• **YOUR INSTRUCTIONS**: Extract, unchanged, every line from the top of the material below through the line with "#175=IFCRELAGGREGATES('0000000000000000000021',$,$,$,#11,(#15));", and no more.

• **DATA FOR THE TASK**:
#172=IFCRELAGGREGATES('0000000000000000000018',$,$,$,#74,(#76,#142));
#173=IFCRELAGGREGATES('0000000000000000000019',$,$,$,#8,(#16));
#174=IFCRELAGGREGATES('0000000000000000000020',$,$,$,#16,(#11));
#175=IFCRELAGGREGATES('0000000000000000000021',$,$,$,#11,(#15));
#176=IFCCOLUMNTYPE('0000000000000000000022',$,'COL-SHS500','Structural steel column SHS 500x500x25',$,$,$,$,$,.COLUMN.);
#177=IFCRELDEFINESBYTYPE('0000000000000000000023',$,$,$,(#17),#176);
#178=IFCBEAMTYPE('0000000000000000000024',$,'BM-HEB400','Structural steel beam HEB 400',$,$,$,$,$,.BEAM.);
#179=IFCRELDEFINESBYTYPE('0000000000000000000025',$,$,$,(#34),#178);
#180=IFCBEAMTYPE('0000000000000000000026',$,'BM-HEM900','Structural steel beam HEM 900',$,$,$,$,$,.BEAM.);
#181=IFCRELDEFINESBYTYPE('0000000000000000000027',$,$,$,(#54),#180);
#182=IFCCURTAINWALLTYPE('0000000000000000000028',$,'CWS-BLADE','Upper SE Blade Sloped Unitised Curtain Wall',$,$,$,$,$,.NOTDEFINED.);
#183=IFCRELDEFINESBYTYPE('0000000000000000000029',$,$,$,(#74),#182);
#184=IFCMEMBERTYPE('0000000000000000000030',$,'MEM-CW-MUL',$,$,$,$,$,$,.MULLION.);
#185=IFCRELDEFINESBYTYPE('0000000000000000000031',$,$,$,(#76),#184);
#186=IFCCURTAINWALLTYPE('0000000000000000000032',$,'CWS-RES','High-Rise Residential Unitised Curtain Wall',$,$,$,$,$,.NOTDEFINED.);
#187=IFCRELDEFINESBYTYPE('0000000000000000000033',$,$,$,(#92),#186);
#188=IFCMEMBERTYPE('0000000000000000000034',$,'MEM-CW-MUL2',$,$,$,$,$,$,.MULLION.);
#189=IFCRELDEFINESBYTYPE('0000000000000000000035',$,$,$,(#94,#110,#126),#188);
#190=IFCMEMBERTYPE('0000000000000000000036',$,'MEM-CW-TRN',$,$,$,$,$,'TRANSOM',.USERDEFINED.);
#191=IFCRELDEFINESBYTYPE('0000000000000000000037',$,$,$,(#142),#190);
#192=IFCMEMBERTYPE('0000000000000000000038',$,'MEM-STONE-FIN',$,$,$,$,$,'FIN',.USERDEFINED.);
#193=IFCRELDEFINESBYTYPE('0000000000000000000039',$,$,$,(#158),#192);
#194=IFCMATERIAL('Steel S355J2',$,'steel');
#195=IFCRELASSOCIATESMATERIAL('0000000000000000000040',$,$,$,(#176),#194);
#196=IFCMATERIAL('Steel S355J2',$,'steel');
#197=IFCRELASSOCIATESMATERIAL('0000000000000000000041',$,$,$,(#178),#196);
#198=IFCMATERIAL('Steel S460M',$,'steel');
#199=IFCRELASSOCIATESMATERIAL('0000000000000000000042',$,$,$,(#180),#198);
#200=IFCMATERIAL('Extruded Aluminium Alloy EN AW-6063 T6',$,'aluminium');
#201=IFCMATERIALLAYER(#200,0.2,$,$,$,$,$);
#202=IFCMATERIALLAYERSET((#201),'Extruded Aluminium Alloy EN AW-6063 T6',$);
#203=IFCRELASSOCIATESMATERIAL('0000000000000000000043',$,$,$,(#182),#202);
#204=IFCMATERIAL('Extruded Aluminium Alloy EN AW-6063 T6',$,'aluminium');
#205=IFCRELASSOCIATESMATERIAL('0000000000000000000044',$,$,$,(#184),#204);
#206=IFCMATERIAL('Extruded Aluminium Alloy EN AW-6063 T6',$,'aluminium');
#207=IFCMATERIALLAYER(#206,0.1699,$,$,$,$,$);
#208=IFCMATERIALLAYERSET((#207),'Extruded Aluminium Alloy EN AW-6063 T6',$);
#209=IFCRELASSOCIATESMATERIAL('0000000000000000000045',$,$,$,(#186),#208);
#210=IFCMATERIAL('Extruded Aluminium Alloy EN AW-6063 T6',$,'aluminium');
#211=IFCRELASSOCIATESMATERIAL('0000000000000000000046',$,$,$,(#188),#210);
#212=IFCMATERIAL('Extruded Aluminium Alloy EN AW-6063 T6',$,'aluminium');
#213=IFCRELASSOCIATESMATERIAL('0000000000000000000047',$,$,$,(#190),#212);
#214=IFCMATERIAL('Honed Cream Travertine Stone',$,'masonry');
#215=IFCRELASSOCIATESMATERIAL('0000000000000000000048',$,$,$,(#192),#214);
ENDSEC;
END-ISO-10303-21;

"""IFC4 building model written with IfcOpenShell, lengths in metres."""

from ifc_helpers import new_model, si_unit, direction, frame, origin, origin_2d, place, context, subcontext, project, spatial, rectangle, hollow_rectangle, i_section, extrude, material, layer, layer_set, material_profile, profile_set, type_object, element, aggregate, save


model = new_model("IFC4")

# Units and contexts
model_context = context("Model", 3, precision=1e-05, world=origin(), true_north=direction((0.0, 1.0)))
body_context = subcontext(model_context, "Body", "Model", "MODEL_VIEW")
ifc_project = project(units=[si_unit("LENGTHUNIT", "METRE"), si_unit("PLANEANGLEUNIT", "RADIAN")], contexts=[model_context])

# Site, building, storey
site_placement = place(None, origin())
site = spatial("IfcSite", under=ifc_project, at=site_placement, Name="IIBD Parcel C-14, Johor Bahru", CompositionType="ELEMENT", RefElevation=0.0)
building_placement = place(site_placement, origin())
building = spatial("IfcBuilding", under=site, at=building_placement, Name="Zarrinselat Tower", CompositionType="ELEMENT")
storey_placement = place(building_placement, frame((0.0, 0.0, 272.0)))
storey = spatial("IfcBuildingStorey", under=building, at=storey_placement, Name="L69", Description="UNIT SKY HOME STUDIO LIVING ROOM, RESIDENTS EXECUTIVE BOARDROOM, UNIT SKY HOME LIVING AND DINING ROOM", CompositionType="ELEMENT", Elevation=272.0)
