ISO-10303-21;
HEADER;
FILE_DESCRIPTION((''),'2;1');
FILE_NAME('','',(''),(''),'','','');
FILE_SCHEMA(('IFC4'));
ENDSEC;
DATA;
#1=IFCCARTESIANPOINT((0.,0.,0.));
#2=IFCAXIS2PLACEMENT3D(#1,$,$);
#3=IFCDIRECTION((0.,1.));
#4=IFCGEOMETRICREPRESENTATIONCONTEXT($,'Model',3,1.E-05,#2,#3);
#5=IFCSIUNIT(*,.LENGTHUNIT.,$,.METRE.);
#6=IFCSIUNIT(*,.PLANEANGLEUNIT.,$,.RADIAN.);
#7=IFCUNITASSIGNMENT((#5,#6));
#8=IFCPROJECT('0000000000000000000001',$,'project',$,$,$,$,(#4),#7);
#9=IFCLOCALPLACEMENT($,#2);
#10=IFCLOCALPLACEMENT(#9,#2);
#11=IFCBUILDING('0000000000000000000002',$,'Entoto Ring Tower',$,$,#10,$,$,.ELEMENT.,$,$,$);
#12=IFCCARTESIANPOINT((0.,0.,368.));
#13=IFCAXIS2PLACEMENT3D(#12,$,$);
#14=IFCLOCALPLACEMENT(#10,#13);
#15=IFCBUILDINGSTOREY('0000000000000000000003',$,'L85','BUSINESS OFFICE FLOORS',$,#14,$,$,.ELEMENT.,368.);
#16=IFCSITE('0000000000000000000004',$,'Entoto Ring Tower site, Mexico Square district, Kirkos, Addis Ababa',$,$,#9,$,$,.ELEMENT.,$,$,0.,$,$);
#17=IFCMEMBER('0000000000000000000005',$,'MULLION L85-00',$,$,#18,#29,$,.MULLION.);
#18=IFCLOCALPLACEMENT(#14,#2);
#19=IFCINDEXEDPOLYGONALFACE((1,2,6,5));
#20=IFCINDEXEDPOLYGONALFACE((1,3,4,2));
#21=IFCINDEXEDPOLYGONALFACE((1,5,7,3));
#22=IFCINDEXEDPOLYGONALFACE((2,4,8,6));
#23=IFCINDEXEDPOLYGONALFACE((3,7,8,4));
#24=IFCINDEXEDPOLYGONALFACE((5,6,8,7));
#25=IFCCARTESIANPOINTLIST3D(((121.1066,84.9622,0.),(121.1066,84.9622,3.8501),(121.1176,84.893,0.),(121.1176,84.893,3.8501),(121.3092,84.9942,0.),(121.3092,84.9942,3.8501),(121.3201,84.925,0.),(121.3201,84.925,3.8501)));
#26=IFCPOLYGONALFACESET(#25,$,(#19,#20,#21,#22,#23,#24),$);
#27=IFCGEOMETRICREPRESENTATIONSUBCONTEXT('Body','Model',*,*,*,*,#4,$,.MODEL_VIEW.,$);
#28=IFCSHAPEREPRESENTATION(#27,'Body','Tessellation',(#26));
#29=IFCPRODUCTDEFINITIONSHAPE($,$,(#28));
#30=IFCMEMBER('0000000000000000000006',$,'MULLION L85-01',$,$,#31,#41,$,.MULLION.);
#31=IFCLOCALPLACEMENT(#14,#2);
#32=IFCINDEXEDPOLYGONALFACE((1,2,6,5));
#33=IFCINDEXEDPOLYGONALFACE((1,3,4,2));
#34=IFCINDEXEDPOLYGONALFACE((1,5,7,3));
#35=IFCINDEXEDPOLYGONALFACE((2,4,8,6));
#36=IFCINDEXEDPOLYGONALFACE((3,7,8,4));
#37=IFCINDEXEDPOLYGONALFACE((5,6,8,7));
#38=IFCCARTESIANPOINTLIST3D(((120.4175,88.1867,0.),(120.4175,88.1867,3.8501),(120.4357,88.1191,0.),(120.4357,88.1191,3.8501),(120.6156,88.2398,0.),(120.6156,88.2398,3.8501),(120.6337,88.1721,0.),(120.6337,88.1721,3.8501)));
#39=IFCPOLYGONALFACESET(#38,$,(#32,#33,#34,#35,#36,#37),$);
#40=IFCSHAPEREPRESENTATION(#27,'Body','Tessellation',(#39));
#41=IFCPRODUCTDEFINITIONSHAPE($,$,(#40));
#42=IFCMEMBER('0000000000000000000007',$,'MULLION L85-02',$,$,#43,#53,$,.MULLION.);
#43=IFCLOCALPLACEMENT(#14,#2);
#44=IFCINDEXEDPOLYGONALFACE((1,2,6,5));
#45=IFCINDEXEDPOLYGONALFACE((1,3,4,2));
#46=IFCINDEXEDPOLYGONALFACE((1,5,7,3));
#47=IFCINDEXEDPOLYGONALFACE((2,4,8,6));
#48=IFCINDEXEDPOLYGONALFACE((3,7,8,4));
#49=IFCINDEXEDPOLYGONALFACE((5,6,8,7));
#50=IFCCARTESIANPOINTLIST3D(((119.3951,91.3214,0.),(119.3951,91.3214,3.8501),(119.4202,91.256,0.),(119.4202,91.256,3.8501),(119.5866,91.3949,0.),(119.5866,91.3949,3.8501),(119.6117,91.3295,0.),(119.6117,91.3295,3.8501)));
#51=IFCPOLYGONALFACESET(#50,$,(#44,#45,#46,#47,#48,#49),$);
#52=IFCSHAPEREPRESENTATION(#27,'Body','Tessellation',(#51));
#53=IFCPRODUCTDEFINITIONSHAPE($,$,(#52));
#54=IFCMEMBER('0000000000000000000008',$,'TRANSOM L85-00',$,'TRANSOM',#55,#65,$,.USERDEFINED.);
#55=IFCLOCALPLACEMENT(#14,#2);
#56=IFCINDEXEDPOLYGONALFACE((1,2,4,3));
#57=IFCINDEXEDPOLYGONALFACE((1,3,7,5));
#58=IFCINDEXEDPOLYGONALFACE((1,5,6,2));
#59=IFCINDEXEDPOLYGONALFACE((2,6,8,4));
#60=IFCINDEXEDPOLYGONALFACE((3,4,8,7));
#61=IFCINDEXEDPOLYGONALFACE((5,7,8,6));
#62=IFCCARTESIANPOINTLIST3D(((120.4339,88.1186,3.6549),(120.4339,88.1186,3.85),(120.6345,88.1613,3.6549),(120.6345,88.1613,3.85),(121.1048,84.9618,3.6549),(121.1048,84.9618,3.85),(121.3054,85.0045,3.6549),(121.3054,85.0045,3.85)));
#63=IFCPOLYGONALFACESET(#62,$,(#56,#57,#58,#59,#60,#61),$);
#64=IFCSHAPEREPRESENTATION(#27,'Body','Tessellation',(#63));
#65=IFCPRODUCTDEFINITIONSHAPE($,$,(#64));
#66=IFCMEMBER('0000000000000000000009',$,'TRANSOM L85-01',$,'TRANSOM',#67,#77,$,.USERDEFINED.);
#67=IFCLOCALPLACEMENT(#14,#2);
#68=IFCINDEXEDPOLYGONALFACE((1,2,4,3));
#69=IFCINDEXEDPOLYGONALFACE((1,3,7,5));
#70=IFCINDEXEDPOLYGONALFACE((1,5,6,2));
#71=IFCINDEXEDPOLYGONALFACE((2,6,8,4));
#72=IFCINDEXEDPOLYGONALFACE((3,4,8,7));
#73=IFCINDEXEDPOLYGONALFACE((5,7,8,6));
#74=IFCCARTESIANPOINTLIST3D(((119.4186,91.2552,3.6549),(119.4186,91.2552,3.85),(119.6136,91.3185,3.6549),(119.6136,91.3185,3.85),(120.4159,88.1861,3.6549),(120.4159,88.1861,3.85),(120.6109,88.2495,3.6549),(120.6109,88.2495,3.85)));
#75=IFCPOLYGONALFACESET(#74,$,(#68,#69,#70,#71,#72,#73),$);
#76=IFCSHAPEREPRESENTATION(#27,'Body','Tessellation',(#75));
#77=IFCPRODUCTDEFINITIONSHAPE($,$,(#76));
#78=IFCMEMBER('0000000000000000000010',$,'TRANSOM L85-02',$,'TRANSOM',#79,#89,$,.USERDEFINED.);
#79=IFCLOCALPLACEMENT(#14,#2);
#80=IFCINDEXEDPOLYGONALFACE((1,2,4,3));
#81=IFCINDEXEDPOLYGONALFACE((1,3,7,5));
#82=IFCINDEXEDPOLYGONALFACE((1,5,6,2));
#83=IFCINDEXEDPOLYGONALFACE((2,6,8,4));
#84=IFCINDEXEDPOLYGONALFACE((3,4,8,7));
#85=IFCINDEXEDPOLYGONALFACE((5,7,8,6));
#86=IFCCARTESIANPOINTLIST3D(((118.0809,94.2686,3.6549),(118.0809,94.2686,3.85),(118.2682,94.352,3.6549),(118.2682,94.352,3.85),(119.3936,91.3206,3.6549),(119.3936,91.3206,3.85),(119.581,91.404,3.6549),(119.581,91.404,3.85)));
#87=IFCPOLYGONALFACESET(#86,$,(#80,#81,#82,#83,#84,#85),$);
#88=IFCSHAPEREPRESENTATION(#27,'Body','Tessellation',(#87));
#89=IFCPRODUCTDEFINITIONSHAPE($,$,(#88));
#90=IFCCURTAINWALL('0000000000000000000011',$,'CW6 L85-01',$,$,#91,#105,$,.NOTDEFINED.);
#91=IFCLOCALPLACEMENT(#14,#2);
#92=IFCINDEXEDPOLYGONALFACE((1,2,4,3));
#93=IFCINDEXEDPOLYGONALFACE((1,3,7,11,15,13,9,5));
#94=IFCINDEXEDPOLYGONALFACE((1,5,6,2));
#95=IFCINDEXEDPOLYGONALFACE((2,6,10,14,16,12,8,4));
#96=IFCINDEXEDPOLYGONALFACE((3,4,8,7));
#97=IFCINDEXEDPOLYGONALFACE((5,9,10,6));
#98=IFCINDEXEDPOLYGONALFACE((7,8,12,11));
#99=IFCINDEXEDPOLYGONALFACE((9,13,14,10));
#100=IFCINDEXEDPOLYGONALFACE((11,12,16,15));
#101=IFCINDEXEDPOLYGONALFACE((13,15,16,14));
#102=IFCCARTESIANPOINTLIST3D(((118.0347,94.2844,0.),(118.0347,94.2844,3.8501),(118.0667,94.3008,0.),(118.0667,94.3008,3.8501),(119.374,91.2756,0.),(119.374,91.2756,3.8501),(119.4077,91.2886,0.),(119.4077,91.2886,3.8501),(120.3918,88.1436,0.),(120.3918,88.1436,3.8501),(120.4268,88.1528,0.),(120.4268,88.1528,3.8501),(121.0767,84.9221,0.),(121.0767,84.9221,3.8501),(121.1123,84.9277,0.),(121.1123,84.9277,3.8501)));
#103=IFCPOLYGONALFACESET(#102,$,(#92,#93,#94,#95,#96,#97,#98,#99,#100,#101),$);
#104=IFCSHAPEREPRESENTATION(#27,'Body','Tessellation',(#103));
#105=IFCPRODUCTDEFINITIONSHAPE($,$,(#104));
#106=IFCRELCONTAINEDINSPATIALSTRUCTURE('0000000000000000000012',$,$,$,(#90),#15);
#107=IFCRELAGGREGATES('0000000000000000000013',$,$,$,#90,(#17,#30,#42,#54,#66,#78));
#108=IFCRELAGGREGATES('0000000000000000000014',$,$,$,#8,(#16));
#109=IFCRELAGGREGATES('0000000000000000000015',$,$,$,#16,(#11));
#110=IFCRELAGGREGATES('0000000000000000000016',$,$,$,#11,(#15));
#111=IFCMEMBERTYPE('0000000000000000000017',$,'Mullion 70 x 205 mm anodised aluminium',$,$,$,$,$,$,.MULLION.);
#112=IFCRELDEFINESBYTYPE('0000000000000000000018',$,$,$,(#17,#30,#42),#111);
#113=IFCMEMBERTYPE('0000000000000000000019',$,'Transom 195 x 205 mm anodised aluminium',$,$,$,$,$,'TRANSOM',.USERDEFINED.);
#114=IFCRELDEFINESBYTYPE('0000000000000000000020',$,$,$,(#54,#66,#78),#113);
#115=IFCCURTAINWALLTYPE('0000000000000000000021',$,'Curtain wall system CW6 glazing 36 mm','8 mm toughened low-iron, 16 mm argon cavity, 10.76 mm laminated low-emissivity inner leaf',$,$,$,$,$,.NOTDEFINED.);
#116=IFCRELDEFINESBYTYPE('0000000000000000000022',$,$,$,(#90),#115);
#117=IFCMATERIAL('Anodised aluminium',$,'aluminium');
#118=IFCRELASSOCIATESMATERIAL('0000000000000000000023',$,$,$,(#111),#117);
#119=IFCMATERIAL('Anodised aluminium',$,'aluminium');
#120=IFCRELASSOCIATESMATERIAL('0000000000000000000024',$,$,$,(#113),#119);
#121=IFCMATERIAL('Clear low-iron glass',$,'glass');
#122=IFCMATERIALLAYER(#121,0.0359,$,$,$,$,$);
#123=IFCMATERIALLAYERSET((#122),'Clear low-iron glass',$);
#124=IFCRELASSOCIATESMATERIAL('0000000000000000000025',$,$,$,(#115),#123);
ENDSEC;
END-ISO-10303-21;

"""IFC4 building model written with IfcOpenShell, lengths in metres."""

from ifc_helpers import new_model, si_unit, direction, frame, origin, origin_2d, place, context, subcontext, project, spatial, polyline, rectangle, outline, extrude, material, layer, layer_set, material_profile, profile_set, type_object, element, aggregate, save


model = new_model("IFC4")

# Units and contexts
model_context = context("Model", 3, precision=1e-05, world=origin(), true_north=direction((0.0, 1.0)))
body_context = subcontext(model_context, "Body", "Model", "MODEL_VIEW")
ifc_project = project(units=[si_unit("LENGTHUNIT", "METRE"), si_unit("PLANEANGLEUNIT", "RADIAN")], contexts=[model_context])

# Members
ifc_material_1 = material(Name="Anodised aluminium", Category="aluminium")
ifc_material_profile_1 = material_profile(ifc_material_1, rectangle(XDim=0.0701, YDim=0.2051, at=origin_2d()), Name="Mullion 70 x 205 mm anodised aluminium")
ifc_profile_set_1 = profile_set([ifc_material_profile_1], Name="Anodised aluminium")
member_type_1 = type_object("IfcMemberType", Name="Mullion 70 x 205 mm anodised aluminium", PredefinedType="MULLION", material=ifc_profile_set_1)
site_placement = place(None, origin())
building_placement = place(site_placement, origin())
storey_placement = place(building_placement, frame((0.0, 0.0, 368.0)))
member_1_placement = place(storey_placement, frame((121.2134, 84.9436, 0.0), z_axis=(0.0, 0.0, 1.0), x_axis=(-0.156434, 0.987688, 0.0)))
member_1 = element("IfcMember", 1, at=member_1_placement, type_object=member_type_1, Name="MULLION L85-00", PredefinedType="MULLION", context=body_context, shape_type="SweptSolid", body=[
    extrude(rectangle(XDim=0.0701, YDim=0.2051, at=origin_2d()), origin(), (0.0, 0.0, 1.0), 3.8501),
])
member_2_placement = place(storey_placement, frame((120.5256, 88.1794, 0.0), z_axis=(0.0, 0.0, 1.0), x_axis=(-0.258819, 0.965926, 0.0)))
member_2 = element("IfcMember", 2, at=member_2_placement, type_object=member_type_1, Name="MULLION L85-01", PredefinedType="MULLION", context=body_context, shape_type="SweptSolid", body=[
    extrude(rectangle(XDim=0.0701, YDim=0.2051, at=origin_2d()), origin(), (0.0, 0.0, 1.0), 3.8501),
])
member_3_placement = place(storey_placement, frame((119.5034, 91.3254, 0.0), z_axis=(0.0, 0.0, 1.0), x_axis=(-0.358368, 0.93358, 0.0)))
member_3 = element("IfcMember", 3, at=member_3_placement, type_object=member_type_1, Name="MULLION L85-02", PredefinedType="MULLION", context=body_context, shape_type="SweptSolid", body=[
    extrude(rectangle(XDim=0.0701, YDim=0.2051, at=origin_2d()), origin(), (0.0, 0.0, 1.0), 3.8501),
])
ifc_material_2 = material(Name="Anodised aluminium", Category="aluminium")
ifc_material_profile_2 = material_profile(ifc_material_2, rectangle(XDim=0.2051, YDim=0.1951, at=origin_2d()), Name="Transom 195 x 205 mm anodised aluminium")
ifc_profile_set_2 = profile_set([ifc_material_profile_2], Name="Anodised aluminium")
member_type_2 = type_object("IfcMemberType", Name="Transom 195 x 205 mm anodised aluminium", ElementType="TRANSOM", PredefinedType="USERDEFINED", material=ifc_profile_set_2)
member_4_placement = place(storey_placement, frame((121.2051, 84.9832, 3.7524), z_axis=(-0.207886, 0.978153, 0.0), x_axis=(-0.978153, -0.207886, 0.0)))
member_4 = element("IfcMember", 4, at=member_4_placement, type_object=member_type_2, Name="TRANSOM L85-00", ObjectType="TRANSOM", PredefinedType="USERDEFINED", context=body_context, shape_type="SweptSolid", body=[
    extrude(rectangle(XDim=0.2051, YDim=0.1951, at=origin_2d()), origin(), (0.0, 0.0, 1.0), 3.2273),
])
member_5_placement = place(storey_placement, frame((120.5134, 88.2178, 3.7524), z_axis=(-0.309047, 0.951047, 0.0), x_axis=(-0.951047, -0.309047, 0.0)))
member_5 = element("IfcMember", 5, at=member_5_placement, type_object=member_type_2, Name="TRANSOM L85-01", ObjectType="TRANSOM", PredefinedType="USERDEFINED", context=body_context, shape_type="SweptSolid", body=[
    extrude(rectangle(XDim=0.2051, YDim=0.1951, at=origin_2d()), origin(), (0.0, 0.0, 1.0), 3.2271),
])
member_6_placement = place(storey_placement, frame((119.4873, 91.3623, 3.7524), z_axis=(-0.406791, 0.913521, 0.0), x_axis=(-0.913521, -0.406791, 0.0)))
member_6 = element("IfcMember", 6, at=member_6_placement, type_object=member_type_2, Name="TRANSOM L85-02", ObjectType="TRANSOM", PredefinedType="USERDEFINED", context=body_context, shape_type="SweptSolid", body=[
    extrude(rectangle(XDim=0.2051, YDim=0.1951, at=origin_2d()), origin(), (0.0, 0.0, 1.0), 3.2271),
])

• **SOLUTION TO THIS EXERCISE**:
#172=IFCRELAGGREGATES('0000000000000000000018',$,$,$,#74,(#76,#142));
#173=IFCRELAGGREGATES('0000000000000000000019',$,$,$,#8,(#16));
#174=IFCRELAGGREGATES('0000000000000000000020',$,$,$,#16,(#11));
#175=IFCRELAGGREGATES('0000000000000000000021',$,$,$,#11,(#15));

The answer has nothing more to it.